Of the lines below, write out exactly those from the line with "#93=IFCINDEXEDPOLYGONALFACE((141,149,150,142));" through the line with "#110=IFCINDEXEDPOLYGONALFACE((177,178,180,179));", both included, and skip the rest.
....
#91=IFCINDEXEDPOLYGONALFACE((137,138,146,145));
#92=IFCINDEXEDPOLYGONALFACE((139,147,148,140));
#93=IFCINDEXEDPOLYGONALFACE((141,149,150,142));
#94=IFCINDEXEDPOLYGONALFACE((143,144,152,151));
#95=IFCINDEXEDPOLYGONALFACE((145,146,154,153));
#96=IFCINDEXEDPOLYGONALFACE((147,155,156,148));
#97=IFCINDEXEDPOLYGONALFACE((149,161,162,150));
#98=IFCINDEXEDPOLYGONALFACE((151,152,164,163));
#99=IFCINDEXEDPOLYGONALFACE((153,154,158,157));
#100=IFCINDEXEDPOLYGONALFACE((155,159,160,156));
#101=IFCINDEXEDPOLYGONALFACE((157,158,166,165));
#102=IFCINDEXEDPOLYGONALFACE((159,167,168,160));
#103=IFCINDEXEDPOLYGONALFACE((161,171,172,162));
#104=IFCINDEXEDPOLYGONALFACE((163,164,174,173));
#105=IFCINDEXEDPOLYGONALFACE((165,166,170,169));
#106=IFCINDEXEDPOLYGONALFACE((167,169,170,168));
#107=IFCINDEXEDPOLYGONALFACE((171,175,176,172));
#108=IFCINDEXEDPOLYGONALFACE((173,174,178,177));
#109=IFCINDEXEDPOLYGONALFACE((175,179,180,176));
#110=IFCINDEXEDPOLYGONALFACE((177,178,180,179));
....
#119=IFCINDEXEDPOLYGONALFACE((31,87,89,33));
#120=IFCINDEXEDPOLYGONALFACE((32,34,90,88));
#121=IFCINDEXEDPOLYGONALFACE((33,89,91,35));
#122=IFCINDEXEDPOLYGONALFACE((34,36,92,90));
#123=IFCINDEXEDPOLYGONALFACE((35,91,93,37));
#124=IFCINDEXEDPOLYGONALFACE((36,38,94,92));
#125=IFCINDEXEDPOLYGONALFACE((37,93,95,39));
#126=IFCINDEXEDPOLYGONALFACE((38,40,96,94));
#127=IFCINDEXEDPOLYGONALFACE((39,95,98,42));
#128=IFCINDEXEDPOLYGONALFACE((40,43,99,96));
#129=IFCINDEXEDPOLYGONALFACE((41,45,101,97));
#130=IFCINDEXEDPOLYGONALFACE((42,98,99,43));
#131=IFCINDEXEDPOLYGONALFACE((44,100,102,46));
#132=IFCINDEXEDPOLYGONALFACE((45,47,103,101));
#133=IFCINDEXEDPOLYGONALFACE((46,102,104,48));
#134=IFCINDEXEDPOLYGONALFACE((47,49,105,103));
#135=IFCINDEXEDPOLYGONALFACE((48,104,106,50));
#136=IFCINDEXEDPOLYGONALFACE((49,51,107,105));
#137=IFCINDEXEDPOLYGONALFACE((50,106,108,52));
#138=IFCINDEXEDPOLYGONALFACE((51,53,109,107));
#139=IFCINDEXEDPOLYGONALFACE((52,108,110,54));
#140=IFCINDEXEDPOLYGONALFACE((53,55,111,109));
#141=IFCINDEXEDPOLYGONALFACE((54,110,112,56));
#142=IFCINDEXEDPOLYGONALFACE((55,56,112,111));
....
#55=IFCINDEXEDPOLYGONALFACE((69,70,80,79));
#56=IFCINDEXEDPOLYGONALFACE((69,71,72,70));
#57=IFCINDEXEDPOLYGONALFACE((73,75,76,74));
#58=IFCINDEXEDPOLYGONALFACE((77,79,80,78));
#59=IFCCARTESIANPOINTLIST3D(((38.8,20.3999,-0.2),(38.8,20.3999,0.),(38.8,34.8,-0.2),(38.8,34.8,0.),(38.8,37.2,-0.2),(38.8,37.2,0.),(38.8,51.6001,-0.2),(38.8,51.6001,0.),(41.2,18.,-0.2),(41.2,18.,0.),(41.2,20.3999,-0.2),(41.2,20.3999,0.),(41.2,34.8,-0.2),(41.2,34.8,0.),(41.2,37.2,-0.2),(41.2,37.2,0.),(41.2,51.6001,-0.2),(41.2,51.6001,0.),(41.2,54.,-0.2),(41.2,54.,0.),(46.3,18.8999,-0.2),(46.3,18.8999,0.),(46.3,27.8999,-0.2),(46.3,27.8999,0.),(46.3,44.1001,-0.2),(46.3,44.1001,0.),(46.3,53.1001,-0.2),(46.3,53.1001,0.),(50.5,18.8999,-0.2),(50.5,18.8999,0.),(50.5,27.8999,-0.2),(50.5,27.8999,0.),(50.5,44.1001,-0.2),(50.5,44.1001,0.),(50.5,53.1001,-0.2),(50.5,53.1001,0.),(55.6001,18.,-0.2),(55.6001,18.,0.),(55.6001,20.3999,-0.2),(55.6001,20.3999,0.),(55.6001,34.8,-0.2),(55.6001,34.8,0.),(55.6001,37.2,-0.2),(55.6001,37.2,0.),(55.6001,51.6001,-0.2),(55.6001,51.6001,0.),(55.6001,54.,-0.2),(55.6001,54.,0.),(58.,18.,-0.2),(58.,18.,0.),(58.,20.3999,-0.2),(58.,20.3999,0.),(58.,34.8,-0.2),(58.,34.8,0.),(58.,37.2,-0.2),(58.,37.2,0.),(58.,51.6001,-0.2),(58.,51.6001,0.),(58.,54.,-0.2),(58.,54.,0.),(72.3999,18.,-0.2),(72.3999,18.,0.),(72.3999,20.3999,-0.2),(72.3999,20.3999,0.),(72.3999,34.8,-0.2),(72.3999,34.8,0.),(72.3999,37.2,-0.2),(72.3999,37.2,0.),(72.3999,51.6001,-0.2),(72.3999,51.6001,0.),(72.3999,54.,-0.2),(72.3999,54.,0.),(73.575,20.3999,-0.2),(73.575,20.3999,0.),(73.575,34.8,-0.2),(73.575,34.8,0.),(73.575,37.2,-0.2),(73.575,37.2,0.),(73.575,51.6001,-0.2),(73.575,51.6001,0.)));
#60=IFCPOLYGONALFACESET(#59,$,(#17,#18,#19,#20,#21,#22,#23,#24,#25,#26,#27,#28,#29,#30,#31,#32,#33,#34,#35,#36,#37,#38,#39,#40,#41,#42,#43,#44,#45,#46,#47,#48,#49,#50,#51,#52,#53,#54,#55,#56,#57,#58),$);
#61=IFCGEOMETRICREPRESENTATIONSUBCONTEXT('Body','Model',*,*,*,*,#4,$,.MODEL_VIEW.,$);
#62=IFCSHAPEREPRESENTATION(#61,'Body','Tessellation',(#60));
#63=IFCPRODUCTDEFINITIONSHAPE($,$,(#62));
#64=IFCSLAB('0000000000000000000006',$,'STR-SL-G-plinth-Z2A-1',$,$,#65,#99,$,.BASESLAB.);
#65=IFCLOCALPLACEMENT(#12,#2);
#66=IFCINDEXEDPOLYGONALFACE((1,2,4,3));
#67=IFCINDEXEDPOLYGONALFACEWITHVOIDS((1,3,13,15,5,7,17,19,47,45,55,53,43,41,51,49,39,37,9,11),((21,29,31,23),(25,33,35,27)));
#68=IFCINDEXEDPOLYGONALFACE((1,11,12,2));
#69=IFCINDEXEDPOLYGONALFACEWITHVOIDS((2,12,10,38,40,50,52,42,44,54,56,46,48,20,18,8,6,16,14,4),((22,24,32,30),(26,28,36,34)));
....
__Answer box__:
#93=IFCINDEXEDPOLYGONALFACE((141,149,150,142));
#94=IFCINDEXEDPOLYGONALFACE((143,144,152,151));
#95=IFCINDEXEDPOLYGONALFACE((145,146,154,153));
#96=IFCINDEXEDPOLYGONALFACE((147,155,156,148));
#97=IFCINDEXEDPOLYGONALFACE((149,161,162,150));
#98=IFCINDEXEDPOLYGONALFACE((151,152,164,163));
#99=IFCINDEXEDPOLYGONALFACE((153,154,158,157));
#100=IFCINDEXEDPOLYGONALFACE((155,159,160,156));
#101=IFCINDEXEDPOLYGONALFACE((157,158,166,165));
#102=IFCINDEXEDPOLYGONALFACE((159,167,168,160));
#103=IFCINDEXEDPOLYGONALFACE((161,171,172,162));
#104=IFCINDEXEDPOLYGONALFACE((163,164,174,173));
#105=IFCINDEXEDPOLYGONALFACE((165,166,170,169));
#106=IFCINDEXEDPOLYGONALFACE((167,169,170,168));
#107=IFCINDEXEDPOLYGONALFACE((171,175,176,172));
#108=IFCINDEXEDPOLYGONALFACE((173,174,178,177));
#109=IFCINDEXEDPOLYGONALFACE((175,179,180,176));
#110=IFCINDEXEDPOLYGONALFACE((177,178,180,179));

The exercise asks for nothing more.